[Material supplied]
....
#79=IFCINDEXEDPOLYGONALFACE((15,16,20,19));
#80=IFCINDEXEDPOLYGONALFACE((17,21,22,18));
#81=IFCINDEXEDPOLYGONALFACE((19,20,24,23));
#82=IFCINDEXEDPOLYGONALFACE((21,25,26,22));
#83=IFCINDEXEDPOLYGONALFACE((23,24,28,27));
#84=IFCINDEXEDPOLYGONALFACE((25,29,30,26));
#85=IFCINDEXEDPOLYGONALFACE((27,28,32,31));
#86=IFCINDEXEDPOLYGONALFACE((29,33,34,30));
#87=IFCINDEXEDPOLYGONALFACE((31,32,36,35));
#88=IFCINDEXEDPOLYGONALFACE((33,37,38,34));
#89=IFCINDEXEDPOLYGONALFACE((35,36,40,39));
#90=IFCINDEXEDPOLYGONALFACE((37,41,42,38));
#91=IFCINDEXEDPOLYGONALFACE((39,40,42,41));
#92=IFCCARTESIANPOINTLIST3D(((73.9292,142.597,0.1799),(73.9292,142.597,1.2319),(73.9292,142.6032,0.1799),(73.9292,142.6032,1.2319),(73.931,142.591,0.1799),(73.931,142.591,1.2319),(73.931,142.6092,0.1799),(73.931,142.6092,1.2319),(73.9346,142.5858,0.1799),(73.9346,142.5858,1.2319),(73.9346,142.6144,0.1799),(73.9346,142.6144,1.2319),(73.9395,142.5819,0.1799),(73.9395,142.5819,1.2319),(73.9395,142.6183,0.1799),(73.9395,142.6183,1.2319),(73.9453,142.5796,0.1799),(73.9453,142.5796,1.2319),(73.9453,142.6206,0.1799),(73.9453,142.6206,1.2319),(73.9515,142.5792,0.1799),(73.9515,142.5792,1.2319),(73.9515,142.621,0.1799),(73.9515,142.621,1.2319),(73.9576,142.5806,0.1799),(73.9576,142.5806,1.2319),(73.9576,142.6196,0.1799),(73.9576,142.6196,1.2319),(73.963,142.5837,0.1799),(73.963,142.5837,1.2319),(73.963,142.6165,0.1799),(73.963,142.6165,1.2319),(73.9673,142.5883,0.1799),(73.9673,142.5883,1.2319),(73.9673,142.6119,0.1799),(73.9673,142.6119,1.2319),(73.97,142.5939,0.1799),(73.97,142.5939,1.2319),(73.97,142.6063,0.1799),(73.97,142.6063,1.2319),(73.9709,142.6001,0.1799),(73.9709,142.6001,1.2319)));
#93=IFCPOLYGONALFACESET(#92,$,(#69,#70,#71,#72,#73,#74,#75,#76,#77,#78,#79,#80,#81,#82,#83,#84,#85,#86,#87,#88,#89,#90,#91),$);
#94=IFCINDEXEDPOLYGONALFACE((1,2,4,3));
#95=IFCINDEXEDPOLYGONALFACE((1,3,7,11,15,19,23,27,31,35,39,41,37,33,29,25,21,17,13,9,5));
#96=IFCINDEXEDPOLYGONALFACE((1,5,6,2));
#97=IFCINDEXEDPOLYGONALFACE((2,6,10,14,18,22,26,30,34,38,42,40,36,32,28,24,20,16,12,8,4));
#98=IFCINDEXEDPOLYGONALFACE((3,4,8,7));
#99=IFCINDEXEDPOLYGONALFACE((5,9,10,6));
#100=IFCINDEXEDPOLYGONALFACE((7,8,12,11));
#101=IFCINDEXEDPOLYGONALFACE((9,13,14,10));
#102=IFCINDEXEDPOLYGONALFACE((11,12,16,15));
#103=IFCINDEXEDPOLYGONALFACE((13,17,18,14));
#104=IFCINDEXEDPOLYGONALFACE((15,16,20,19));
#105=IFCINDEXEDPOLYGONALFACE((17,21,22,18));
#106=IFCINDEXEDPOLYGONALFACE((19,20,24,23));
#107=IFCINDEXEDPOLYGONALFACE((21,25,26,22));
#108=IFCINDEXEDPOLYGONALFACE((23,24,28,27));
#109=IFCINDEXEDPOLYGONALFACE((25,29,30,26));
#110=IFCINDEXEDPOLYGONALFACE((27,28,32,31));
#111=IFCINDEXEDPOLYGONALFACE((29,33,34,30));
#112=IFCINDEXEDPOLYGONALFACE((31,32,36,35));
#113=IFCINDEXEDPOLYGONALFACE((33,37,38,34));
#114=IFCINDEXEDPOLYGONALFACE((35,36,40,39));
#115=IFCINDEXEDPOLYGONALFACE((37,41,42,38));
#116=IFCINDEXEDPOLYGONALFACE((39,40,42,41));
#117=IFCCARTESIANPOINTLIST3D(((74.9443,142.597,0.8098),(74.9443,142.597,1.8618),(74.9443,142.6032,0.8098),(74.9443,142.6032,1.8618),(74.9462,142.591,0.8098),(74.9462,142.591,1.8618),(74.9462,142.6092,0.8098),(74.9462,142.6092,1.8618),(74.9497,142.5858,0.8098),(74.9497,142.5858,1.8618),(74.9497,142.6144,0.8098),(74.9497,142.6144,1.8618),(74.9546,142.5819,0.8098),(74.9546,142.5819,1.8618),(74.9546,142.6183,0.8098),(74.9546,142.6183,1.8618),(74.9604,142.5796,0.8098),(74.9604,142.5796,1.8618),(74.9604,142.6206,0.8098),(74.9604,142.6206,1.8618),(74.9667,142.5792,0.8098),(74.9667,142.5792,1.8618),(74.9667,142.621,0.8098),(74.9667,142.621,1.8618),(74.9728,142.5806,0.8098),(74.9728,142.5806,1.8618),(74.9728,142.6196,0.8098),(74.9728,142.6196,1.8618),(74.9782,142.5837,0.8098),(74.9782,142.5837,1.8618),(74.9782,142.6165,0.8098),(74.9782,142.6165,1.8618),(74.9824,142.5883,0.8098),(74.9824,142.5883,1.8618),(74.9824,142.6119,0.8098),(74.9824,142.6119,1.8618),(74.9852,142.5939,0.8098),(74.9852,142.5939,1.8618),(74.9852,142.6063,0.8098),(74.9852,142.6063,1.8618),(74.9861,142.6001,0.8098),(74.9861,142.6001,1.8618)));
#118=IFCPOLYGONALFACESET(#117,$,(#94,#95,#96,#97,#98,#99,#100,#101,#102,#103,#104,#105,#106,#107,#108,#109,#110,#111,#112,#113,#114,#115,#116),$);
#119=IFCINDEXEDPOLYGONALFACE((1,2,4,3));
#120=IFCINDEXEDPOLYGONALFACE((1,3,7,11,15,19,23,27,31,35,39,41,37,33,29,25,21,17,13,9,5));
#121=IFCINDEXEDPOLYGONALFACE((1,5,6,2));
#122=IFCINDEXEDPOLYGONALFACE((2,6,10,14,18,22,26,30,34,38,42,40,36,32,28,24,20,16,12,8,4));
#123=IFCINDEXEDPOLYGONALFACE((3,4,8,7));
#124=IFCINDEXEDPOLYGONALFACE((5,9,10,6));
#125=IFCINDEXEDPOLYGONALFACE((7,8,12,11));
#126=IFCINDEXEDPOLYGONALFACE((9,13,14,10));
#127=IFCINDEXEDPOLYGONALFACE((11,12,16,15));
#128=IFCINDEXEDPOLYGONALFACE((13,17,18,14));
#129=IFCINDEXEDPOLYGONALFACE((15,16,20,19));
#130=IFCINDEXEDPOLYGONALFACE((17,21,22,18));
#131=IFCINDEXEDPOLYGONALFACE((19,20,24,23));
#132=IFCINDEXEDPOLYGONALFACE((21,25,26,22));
....
[Problem description] Scan the records above and count the lines that contain "IFCPOLYGONALFACESET". No text besides the count.

[Answer to this task] 2